● WHAT TO DO
Find the line containing "#115=IFCINDEXEDPOLYGONALFACE((37,41,42,38));" in the listing below. Repeat it exactly, along with each following line up to and including the one containing "#121=IFCPRODUCTDEFINITIONSHAPE($,$,(#120));".

● INFORMATION GIVEN
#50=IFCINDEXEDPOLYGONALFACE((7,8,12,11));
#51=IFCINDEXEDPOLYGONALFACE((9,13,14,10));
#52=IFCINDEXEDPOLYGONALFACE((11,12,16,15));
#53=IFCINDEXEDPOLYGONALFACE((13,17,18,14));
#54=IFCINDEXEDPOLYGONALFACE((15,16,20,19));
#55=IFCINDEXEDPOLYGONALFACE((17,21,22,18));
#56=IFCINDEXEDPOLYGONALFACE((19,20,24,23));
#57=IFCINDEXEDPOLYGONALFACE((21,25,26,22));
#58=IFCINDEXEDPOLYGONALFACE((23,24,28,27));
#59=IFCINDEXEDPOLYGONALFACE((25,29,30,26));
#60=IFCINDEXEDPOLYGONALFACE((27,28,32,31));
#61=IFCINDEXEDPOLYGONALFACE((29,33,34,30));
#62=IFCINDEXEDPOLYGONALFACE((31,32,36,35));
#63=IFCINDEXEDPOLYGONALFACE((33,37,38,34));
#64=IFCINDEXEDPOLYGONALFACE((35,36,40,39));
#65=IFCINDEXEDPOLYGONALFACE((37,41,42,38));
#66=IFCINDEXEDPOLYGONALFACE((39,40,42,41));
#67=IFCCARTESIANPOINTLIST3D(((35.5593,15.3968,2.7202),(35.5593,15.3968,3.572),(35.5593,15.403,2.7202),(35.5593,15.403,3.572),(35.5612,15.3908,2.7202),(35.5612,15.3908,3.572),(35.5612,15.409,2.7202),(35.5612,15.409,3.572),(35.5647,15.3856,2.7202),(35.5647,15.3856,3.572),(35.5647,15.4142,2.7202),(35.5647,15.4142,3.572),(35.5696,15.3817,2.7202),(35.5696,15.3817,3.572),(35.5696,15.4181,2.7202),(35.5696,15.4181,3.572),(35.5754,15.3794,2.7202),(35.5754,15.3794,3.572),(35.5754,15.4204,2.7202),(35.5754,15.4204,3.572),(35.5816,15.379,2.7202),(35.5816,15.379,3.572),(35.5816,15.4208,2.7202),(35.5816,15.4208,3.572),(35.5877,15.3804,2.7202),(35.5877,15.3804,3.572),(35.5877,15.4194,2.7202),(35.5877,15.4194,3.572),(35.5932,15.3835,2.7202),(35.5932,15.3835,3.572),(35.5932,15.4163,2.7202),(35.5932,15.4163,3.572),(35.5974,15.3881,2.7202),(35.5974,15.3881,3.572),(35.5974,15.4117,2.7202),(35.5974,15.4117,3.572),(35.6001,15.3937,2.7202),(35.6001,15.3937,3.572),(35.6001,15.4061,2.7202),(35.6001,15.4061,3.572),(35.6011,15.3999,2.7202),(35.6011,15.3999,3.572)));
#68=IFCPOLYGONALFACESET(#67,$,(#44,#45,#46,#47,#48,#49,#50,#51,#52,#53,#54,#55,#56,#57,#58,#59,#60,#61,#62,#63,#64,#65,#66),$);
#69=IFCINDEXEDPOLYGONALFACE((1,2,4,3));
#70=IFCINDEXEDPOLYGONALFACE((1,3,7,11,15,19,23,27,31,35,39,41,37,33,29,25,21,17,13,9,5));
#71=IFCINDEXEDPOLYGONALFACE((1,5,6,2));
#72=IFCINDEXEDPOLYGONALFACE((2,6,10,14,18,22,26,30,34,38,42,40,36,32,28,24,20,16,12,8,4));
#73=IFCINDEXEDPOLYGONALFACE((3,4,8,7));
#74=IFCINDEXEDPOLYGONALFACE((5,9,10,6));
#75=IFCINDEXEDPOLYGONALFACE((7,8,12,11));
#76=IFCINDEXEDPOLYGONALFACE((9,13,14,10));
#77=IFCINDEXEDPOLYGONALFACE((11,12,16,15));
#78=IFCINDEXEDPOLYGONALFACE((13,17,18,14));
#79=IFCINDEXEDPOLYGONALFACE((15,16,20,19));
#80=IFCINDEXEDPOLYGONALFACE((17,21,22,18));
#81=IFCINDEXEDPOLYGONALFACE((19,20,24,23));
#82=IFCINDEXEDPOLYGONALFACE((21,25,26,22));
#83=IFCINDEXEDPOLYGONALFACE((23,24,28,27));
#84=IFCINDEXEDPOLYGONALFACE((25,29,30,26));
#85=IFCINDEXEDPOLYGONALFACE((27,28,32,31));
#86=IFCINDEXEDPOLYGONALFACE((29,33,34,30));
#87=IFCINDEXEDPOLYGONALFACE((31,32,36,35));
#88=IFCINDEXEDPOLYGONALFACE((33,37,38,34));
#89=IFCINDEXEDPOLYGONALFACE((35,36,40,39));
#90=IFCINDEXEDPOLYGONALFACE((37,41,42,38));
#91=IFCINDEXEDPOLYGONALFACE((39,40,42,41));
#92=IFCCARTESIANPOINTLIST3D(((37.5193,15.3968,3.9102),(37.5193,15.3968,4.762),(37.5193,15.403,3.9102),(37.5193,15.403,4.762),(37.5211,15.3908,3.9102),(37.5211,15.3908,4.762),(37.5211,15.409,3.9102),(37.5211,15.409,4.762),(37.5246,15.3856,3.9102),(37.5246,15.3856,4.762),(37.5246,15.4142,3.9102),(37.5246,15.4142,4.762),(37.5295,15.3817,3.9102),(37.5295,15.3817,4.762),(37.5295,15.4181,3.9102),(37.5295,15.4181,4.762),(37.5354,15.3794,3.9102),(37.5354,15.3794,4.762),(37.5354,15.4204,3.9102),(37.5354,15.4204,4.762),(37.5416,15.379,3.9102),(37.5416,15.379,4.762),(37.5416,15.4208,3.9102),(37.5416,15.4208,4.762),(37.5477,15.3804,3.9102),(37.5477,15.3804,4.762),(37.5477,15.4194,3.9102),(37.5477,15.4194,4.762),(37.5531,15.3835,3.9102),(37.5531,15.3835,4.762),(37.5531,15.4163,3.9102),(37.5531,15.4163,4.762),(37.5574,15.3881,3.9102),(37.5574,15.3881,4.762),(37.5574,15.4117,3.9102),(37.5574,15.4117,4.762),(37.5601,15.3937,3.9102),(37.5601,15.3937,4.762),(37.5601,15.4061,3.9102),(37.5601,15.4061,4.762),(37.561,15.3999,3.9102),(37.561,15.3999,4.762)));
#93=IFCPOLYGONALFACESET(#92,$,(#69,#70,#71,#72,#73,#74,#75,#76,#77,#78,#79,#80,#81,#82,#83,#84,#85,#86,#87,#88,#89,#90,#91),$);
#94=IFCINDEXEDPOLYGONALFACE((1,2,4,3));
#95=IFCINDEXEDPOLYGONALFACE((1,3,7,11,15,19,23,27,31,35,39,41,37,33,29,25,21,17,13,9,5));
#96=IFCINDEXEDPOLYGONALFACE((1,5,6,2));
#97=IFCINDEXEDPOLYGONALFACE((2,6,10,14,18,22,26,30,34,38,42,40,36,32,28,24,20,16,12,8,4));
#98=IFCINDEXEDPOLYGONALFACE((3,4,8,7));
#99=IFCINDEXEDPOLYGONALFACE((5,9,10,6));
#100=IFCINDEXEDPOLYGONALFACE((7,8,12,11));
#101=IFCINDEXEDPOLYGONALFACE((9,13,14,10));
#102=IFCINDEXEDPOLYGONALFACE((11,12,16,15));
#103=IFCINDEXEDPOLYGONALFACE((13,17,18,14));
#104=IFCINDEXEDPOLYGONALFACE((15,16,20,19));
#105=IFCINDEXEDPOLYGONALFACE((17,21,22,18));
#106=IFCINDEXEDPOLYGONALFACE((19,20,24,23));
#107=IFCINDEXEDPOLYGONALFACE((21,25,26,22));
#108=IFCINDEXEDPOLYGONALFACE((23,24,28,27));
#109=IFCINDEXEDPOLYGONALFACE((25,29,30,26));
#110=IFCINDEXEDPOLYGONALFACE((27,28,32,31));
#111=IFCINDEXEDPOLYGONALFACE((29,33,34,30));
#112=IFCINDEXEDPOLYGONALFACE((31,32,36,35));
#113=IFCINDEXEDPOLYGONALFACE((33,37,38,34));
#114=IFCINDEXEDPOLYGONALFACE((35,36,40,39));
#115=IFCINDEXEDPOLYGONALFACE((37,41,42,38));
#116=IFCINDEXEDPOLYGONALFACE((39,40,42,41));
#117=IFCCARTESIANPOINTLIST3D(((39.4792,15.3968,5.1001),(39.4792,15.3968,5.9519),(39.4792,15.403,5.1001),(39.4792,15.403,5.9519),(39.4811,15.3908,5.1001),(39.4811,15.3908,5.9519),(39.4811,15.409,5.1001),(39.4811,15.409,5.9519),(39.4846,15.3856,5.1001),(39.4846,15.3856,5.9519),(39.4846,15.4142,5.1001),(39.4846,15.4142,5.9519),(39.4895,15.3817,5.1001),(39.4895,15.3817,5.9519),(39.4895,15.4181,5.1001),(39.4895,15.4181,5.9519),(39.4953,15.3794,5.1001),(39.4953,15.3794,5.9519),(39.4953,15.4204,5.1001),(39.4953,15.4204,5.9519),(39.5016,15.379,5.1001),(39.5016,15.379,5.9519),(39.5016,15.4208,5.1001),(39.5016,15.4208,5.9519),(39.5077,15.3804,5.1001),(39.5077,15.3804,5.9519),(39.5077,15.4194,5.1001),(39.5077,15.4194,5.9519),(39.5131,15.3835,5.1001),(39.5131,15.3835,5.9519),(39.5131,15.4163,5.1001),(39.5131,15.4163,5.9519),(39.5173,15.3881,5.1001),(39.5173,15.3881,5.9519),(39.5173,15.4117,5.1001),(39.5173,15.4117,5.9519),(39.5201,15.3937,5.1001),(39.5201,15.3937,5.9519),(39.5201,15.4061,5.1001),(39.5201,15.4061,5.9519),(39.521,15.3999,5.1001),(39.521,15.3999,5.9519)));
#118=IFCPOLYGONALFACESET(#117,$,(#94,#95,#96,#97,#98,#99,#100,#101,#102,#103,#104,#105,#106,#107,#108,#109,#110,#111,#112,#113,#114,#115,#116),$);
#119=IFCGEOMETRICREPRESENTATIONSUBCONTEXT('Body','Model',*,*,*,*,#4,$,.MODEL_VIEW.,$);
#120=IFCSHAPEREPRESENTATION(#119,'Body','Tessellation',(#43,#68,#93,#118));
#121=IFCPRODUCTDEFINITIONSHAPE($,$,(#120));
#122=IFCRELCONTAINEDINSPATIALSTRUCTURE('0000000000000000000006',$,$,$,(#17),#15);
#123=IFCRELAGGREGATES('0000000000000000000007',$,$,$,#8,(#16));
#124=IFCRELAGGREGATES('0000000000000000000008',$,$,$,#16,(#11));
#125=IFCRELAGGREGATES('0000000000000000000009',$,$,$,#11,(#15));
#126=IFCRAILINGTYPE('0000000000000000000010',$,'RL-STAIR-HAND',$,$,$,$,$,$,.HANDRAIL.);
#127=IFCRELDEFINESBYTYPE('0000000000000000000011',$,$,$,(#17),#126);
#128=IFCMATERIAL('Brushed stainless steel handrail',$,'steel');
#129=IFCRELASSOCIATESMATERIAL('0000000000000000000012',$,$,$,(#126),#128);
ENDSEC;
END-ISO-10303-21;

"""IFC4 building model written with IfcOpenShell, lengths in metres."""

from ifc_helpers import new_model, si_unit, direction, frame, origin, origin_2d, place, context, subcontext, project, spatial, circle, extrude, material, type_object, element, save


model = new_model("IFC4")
* * *
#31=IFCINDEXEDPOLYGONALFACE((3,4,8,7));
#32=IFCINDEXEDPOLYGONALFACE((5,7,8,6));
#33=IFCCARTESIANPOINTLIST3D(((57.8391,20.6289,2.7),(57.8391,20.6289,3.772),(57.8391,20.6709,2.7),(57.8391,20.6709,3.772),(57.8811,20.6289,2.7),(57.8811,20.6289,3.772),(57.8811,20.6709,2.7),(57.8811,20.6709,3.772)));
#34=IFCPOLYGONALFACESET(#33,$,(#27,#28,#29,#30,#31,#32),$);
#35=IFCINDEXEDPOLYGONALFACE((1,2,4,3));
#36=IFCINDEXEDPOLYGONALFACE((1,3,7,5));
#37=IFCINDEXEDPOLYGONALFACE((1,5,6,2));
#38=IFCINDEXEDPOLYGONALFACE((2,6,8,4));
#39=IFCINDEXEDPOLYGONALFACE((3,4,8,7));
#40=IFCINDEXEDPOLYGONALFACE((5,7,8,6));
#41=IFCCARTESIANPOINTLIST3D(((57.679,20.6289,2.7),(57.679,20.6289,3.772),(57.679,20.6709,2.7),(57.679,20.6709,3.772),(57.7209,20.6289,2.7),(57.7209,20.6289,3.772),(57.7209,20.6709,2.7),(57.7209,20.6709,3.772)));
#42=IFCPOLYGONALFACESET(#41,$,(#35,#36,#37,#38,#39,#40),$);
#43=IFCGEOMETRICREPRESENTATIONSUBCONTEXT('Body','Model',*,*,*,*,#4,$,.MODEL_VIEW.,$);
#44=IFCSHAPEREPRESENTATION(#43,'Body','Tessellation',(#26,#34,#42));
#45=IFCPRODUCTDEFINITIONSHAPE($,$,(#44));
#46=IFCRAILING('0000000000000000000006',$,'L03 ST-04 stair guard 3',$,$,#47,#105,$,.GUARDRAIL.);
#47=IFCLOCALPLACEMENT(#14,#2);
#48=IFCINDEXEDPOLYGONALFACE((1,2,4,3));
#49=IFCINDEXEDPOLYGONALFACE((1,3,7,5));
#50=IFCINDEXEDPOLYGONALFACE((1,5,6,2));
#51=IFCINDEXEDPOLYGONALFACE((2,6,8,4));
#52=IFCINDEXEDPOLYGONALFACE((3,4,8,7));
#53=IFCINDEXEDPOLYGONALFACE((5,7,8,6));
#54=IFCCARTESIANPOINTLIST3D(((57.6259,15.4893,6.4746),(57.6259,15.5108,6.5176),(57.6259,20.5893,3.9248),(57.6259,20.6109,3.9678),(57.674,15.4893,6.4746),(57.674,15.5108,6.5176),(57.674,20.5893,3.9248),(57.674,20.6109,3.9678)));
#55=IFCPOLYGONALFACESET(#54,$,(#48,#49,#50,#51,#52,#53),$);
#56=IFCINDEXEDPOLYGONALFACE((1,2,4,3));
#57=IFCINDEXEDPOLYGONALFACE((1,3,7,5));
...
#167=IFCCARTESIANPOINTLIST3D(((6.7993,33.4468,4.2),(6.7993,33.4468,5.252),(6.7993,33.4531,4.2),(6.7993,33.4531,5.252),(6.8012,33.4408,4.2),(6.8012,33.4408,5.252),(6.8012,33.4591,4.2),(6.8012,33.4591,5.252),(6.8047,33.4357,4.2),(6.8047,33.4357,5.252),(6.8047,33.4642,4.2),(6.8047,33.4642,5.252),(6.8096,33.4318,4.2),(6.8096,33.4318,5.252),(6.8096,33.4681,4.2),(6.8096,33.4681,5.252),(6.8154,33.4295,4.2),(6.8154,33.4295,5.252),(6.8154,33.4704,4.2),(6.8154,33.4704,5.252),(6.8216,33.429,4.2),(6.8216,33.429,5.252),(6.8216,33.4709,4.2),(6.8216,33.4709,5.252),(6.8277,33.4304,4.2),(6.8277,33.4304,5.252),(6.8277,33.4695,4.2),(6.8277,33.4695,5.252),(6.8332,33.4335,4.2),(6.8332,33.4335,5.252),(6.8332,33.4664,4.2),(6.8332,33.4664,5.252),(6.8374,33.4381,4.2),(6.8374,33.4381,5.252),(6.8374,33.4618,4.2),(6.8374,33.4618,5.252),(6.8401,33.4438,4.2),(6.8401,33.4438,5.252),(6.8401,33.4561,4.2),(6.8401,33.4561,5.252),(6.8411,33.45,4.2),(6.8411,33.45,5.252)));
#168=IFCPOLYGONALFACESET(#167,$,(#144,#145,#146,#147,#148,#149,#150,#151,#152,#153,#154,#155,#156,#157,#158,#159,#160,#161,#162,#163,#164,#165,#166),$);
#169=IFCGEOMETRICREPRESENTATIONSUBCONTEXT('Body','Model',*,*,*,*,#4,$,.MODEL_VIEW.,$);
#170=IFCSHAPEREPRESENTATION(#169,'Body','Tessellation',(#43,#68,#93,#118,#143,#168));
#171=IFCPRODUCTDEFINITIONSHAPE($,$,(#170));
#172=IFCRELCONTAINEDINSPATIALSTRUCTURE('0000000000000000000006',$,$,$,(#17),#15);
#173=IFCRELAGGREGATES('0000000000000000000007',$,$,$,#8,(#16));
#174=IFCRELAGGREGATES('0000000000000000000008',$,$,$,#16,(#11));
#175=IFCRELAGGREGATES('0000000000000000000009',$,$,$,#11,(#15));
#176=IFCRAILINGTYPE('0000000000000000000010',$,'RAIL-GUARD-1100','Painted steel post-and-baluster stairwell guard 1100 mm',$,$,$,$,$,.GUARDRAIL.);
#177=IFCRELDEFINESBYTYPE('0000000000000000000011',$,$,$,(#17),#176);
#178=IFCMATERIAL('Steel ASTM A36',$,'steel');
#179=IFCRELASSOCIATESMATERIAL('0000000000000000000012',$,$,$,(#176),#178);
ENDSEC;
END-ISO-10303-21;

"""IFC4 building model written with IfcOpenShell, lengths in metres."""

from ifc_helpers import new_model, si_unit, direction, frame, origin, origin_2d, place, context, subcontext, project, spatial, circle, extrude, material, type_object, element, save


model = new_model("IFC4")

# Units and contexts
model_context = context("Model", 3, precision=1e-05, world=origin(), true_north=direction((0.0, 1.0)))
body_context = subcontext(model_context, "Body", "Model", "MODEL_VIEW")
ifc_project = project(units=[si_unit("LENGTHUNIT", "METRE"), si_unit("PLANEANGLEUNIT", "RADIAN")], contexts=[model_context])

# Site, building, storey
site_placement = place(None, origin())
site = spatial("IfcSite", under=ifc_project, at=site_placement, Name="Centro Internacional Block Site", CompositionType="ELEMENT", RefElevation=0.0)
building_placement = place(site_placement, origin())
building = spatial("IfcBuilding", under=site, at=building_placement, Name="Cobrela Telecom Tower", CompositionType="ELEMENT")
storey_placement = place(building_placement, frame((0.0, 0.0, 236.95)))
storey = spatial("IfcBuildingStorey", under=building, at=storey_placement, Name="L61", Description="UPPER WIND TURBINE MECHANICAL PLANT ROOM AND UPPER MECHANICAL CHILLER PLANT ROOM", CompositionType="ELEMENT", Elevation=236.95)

● YOUR RESPONSE
#115=IFCINDEXEDPOLYGONALFACE((37,41,42,38));
#116=IFCINDEXEDPOLYGONALFACE((39,40,42,41));
#117=IFCCARTESIANPOINTLIST3D(((39.4792,15.3968,5.1001),(39.4792,15.3968,5.9519),(39.4792,15.403,5.1001),(39.4792,15.403,5.9519),(39.4811,15.3908,5.1001),(39.4811,15.3908,5.9519),(39.4811,15.409,5.1001),(39.4811,15.409,5.9519),(39.4846,15.3856,5.1001),(39.4846,15.3856,5.9519),(39.4846,15.4142,5.1001),(39.4846,15.4142,5.9519),(39.4895,15.3817,5.1001),(39.4895,15.3817,5.9519),(39.4895,15.4181,5.1001),(39.4895,15.4181,5.9519),(39.4953,15.3794,5.1001),(39.4953,15.3794,5.9519),(39.4953,15.4204,5.1001),(39.4953,15.4204,5.9519),(39.5016,15.379,5.1001),(39.5016,15.379,5.9519),(39.5016,15.4208,5.1001),(39.5016,15.4208,5.9519),(39.5077,15.3804,5.1001),(39.5077,15.3804,5.9519),(39.5077,15.4194,5.1001),(39.5077,15.4194,5.9519),(39.5131,15.3835,5.1001),(39.5131,15.3835,5.9519),(39.5131,15.4163,5.1001),(39.5131,15.4163,5.9519),(39.5173,15.3881,5.1001),(39.5173,15.3881,5.9519),(39.5173,15.4117,5.1001),(39.5173,15.4117,5.9519),(39.5201,15.3937,5.1001),(39.5201,15.3937,5.9519),(39.5201,15.4061,5.1001),(39.5201,15.4061,5.9519),(39.521,15.3999,5.1001),(39.521,15.3999,5.9519)));
#118=IFCPOLYGONALFACESET(#117,$,(#94,#95,#96,#97,#98,#99,#100,#101,#102,#103,#104,#105,#106,#107,#108,#109,#110,#111,#112,#113,#114,#115,#116),$);
#119=IFCGEOMETRICREPRESENTATIONSUBCONTEXT('Body','Model',*,*,*,*,#4,$,.MODEL_VIEW.,$);
#120=IFCSHAPEREPRESENTATION(#119,'Body','Tessellation',(#43,#68,#93,#118));
#121=IFCPRODUCTDEFINITIONSHAPE($,$,(#120));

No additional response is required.